Extracted information:
^^^^^^^^

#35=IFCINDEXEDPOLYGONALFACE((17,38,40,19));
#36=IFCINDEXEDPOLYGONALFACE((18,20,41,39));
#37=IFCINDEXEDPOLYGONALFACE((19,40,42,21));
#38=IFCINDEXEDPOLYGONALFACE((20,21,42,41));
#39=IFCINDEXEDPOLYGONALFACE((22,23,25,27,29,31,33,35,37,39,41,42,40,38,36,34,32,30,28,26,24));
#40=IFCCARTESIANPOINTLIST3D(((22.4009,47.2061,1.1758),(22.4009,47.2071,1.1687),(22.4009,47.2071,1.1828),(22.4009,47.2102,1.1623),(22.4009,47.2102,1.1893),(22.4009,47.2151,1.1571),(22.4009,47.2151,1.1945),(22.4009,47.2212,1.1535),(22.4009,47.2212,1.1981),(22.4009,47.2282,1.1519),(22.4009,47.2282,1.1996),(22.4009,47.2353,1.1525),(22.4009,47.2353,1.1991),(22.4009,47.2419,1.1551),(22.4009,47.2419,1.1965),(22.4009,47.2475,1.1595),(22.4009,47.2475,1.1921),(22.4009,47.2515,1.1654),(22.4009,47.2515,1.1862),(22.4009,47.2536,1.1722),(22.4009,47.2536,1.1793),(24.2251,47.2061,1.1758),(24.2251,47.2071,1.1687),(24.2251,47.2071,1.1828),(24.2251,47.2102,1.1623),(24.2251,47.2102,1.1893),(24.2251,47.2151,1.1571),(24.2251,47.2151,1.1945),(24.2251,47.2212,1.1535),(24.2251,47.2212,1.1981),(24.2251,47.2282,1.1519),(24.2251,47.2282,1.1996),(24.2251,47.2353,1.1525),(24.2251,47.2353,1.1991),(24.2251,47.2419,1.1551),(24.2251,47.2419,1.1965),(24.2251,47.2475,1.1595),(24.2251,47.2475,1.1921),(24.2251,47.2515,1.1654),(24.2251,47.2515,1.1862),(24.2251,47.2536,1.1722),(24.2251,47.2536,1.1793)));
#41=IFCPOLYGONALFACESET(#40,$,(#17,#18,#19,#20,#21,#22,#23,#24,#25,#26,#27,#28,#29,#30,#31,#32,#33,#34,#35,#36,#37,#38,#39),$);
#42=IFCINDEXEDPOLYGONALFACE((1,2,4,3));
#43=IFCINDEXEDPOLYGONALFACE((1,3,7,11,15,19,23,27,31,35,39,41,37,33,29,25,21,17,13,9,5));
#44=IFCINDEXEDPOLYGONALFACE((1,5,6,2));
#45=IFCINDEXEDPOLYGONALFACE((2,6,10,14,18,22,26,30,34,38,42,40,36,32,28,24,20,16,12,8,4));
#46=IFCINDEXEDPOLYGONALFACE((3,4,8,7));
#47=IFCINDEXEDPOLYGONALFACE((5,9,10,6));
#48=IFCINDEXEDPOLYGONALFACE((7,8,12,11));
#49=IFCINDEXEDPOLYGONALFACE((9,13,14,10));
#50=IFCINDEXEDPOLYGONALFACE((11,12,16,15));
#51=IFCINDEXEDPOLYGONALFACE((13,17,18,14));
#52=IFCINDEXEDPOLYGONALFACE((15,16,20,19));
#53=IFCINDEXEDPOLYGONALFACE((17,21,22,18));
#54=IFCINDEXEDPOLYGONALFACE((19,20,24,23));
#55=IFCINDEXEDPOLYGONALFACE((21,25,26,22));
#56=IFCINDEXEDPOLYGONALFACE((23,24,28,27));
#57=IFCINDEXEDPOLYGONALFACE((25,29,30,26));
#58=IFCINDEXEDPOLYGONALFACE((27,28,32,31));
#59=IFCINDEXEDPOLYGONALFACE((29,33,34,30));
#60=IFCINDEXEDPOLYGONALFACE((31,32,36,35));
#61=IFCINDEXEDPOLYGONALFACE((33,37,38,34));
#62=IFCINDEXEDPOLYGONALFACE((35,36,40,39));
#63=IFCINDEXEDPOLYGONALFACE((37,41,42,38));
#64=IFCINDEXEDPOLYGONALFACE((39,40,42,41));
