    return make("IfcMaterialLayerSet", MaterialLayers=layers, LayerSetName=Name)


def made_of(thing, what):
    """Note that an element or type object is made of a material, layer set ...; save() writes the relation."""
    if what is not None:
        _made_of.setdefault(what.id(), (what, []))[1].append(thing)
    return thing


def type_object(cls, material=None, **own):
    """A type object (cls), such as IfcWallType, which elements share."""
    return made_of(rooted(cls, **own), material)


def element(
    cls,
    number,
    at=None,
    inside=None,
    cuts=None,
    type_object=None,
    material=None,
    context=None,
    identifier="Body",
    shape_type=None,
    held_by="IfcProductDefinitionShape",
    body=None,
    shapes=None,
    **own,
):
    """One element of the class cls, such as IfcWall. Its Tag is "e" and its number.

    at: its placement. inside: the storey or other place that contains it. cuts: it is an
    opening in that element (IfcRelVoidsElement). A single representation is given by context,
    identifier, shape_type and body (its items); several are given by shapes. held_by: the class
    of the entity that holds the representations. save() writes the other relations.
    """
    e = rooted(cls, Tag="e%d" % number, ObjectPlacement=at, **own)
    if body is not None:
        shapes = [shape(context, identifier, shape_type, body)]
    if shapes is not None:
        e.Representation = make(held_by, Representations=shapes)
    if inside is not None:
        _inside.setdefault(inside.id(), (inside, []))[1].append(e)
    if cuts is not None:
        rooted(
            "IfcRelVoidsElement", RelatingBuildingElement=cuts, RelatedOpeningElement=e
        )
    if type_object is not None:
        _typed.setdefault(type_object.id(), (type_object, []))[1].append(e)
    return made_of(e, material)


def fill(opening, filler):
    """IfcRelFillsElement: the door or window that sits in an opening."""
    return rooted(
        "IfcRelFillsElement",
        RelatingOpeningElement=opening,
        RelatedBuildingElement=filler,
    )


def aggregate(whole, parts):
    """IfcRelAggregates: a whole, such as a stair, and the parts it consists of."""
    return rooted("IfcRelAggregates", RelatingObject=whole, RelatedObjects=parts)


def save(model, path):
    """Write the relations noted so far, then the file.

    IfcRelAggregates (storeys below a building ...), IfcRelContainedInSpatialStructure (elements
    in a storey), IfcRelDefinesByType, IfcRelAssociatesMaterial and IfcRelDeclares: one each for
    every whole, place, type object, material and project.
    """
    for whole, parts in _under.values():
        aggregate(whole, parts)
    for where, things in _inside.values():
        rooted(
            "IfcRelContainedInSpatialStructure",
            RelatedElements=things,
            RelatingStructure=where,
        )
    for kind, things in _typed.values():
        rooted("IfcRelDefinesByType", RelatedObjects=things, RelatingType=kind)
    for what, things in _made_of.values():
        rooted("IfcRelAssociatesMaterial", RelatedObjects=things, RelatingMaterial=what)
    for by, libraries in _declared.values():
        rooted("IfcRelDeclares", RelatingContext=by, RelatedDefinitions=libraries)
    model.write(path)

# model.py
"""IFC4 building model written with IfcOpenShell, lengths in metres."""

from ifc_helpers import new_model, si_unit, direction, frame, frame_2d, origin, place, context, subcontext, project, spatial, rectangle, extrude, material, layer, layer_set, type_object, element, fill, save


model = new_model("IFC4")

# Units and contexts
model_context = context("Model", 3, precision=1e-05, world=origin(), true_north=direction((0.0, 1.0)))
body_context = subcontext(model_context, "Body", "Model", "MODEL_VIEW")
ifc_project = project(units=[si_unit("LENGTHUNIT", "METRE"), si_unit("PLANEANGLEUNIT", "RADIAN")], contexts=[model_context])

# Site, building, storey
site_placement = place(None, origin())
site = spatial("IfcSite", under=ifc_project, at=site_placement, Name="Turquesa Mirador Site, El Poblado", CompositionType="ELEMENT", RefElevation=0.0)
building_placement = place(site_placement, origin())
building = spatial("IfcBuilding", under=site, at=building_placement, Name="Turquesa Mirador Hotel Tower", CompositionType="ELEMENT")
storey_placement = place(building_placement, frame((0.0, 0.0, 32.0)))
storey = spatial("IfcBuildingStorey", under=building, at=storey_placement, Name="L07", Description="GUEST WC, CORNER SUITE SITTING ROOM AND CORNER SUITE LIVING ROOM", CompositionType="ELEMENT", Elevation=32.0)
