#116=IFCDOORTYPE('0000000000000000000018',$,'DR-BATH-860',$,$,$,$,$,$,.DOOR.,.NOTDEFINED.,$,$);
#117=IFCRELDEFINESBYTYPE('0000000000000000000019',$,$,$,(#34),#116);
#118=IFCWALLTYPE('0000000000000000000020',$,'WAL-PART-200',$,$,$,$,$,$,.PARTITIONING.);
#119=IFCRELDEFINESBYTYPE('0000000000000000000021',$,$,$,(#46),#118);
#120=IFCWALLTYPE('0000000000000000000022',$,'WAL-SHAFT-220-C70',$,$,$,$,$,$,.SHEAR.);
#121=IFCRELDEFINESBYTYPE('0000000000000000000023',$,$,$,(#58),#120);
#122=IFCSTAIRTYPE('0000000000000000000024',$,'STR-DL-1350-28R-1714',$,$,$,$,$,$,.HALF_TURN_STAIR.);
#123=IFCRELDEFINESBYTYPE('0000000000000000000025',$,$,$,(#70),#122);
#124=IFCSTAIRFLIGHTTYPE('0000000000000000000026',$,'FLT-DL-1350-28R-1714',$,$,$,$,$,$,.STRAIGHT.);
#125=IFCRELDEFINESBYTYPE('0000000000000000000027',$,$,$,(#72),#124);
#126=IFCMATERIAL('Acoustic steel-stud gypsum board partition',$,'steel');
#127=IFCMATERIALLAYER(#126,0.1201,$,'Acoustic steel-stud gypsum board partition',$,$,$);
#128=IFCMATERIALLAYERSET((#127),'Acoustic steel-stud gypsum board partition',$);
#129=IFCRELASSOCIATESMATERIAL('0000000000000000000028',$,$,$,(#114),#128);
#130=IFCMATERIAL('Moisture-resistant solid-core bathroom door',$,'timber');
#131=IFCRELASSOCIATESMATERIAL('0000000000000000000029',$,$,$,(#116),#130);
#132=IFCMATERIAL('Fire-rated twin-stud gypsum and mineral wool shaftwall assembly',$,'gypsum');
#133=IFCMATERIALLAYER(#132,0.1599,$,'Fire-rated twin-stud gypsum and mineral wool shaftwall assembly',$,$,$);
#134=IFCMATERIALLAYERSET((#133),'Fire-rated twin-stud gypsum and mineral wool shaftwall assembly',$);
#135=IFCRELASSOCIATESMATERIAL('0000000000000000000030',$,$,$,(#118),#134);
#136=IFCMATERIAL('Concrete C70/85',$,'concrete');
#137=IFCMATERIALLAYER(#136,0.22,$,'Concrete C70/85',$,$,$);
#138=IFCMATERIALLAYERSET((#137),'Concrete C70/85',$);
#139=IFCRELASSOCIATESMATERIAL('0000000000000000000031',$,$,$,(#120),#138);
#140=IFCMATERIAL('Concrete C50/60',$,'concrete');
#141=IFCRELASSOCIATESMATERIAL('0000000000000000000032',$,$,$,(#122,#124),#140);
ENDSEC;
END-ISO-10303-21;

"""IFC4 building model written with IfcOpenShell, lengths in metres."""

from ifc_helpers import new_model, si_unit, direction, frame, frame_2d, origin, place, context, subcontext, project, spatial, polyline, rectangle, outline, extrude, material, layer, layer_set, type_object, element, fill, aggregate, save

^^^^^^^^

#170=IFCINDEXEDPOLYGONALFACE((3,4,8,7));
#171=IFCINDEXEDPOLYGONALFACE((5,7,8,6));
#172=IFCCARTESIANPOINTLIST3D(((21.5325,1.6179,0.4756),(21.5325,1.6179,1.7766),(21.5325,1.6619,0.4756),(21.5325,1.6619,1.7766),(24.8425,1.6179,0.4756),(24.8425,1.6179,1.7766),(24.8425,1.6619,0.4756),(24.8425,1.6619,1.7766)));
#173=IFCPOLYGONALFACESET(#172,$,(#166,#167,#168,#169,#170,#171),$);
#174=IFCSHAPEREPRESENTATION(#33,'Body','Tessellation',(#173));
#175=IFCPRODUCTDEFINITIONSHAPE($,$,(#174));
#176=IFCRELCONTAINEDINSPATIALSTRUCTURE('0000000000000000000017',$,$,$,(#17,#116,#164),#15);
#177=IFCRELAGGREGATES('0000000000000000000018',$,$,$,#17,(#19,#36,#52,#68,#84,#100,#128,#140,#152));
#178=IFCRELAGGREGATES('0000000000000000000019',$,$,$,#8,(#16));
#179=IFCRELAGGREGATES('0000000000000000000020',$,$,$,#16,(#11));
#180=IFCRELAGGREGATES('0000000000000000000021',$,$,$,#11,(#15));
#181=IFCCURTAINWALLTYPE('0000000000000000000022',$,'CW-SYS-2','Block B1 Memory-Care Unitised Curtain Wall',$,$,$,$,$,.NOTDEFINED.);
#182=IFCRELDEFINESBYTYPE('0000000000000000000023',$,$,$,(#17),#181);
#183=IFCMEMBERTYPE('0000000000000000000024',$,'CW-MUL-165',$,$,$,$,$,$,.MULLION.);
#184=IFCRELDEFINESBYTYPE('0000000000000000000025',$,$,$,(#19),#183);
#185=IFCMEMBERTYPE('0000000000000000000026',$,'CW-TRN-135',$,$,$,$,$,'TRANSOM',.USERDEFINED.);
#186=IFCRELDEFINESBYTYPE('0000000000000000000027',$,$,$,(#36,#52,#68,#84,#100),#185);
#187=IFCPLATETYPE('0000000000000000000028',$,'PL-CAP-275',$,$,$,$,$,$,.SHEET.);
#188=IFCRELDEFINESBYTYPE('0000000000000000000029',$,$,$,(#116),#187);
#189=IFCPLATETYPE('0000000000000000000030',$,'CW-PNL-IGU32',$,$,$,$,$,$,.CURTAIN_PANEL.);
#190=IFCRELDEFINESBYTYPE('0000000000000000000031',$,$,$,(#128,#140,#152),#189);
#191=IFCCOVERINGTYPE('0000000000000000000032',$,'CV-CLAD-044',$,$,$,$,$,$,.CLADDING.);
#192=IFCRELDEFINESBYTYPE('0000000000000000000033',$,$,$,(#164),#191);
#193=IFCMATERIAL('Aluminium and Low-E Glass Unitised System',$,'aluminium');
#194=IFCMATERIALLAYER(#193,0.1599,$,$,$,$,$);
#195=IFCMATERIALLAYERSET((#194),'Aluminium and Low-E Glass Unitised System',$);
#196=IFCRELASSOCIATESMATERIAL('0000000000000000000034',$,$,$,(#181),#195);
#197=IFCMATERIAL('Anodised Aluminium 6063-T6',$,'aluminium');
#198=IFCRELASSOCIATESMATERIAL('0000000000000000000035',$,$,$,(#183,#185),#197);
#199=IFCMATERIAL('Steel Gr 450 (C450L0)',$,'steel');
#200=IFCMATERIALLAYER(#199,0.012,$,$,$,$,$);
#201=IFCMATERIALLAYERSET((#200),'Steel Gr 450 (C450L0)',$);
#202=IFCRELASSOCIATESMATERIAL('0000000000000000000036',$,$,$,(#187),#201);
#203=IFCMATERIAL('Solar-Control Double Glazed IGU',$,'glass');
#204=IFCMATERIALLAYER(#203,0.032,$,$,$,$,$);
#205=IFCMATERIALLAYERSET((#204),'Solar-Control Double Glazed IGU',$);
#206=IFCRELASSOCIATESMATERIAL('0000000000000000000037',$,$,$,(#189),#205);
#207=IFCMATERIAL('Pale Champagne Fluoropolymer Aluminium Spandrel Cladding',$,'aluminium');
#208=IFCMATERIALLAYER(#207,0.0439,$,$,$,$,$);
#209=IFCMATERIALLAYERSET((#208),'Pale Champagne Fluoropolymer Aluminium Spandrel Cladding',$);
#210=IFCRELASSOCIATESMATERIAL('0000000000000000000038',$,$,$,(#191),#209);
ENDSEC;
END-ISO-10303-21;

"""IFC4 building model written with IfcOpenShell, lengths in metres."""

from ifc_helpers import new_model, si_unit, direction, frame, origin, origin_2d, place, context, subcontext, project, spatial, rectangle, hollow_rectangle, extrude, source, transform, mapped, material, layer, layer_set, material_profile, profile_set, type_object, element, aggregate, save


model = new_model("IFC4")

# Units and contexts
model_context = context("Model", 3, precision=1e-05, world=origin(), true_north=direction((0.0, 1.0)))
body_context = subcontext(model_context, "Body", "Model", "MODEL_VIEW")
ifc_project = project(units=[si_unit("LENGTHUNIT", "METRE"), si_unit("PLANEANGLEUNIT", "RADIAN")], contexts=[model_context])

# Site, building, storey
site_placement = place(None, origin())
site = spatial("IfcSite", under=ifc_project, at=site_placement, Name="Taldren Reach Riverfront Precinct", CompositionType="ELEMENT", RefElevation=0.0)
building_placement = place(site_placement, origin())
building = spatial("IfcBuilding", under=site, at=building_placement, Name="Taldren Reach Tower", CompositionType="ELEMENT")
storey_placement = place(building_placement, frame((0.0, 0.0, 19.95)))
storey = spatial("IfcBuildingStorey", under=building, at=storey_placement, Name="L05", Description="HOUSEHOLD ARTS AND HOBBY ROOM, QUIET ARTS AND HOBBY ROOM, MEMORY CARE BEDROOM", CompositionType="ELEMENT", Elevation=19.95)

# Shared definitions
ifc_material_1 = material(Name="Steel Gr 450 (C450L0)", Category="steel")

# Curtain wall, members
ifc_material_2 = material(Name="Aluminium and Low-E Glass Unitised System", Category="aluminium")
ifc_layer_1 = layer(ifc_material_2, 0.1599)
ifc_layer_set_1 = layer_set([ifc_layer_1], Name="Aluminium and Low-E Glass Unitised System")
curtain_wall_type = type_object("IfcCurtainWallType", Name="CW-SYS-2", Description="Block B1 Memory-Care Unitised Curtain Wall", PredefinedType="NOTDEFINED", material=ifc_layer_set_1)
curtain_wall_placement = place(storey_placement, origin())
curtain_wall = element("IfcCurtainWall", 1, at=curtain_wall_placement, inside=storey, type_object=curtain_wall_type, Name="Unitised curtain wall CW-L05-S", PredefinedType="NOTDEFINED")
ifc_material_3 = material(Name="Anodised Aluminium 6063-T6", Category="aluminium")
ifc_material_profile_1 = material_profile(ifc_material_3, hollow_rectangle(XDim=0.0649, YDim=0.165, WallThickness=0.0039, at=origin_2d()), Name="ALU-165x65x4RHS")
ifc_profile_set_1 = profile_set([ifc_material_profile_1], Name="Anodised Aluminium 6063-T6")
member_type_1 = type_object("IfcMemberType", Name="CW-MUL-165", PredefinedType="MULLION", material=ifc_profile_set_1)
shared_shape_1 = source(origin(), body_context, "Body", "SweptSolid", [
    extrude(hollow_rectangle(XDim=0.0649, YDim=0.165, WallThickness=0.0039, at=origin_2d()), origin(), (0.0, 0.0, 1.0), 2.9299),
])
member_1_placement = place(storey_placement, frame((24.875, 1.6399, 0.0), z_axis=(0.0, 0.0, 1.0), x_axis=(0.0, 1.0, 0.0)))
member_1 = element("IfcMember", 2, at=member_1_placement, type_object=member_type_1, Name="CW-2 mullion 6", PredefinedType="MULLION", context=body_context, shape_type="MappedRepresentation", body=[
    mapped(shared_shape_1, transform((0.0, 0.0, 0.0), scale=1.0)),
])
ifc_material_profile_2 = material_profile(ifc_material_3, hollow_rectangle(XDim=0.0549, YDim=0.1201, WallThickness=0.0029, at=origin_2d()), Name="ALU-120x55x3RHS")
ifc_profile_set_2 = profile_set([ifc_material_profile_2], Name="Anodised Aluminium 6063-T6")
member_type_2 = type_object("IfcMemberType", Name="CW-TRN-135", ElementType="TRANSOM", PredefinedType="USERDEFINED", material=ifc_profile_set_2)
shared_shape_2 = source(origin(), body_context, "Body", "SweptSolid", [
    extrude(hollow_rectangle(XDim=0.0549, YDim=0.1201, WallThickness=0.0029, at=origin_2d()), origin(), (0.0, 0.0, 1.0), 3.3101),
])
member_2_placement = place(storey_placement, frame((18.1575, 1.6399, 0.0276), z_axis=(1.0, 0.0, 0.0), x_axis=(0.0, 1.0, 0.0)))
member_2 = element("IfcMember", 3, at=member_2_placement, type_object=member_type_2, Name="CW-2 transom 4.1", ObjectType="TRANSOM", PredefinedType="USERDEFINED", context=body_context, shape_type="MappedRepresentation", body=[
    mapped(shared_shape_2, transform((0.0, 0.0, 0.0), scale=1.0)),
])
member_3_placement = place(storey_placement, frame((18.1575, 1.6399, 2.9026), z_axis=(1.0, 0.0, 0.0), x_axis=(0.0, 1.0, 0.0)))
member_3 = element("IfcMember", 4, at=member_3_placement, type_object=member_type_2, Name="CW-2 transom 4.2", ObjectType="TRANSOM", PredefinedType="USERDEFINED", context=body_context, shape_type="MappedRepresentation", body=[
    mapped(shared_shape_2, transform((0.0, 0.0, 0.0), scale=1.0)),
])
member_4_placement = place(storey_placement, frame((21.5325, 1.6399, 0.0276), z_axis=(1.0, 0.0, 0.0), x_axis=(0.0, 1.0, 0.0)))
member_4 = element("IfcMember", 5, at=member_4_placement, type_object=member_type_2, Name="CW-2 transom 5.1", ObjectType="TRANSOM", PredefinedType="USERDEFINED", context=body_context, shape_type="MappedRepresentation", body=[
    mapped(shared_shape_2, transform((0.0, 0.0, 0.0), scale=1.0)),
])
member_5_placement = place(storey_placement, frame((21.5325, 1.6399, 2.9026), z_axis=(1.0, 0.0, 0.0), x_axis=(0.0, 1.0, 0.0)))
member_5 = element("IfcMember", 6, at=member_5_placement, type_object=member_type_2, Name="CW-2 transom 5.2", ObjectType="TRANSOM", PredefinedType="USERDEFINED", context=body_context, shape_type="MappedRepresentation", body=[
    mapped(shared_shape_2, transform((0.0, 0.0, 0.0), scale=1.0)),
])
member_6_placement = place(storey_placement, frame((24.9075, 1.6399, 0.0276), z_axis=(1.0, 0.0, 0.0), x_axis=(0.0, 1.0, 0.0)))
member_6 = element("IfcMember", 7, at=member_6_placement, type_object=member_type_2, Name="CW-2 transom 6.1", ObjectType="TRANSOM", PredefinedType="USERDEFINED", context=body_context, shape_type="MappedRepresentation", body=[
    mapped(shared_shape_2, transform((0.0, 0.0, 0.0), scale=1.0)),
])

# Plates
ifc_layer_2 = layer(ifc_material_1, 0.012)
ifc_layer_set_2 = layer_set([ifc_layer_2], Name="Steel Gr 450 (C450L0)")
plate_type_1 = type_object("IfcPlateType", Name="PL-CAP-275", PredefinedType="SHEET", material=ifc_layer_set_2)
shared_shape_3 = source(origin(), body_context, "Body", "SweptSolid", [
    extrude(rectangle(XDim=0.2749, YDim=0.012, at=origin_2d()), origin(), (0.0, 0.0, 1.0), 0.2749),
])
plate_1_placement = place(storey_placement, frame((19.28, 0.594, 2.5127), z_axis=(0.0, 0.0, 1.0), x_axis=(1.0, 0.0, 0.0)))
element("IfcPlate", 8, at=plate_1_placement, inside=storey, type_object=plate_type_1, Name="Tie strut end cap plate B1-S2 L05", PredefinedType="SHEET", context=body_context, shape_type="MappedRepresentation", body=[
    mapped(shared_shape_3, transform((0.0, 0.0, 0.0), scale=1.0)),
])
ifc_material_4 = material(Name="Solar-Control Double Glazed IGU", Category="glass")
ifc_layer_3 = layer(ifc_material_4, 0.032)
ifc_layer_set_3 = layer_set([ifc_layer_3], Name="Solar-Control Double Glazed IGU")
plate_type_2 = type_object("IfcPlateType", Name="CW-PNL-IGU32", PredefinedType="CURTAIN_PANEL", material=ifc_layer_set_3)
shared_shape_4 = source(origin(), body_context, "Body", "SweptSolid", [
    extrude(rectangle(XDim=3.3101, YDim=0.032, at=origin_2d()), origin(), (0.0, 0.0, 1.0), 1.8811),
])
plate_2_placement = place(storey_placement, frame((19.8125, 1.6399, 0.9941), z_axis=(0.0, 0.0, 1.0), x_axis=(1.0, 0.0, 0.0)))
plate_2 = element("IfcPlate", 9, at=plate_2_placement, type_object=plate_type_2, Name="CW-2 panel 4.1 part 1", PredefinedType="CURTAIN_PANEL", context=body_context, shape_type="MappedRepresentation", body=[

^^^^^^^^

Report back each line of the entries that holds the string "values".

    for whole, parts in _under.values():
    for where, things in _inside.values():
    for kind, things in _typed.values():
    for what, things in _made_of.values():
    for by, libraries in _declared.values():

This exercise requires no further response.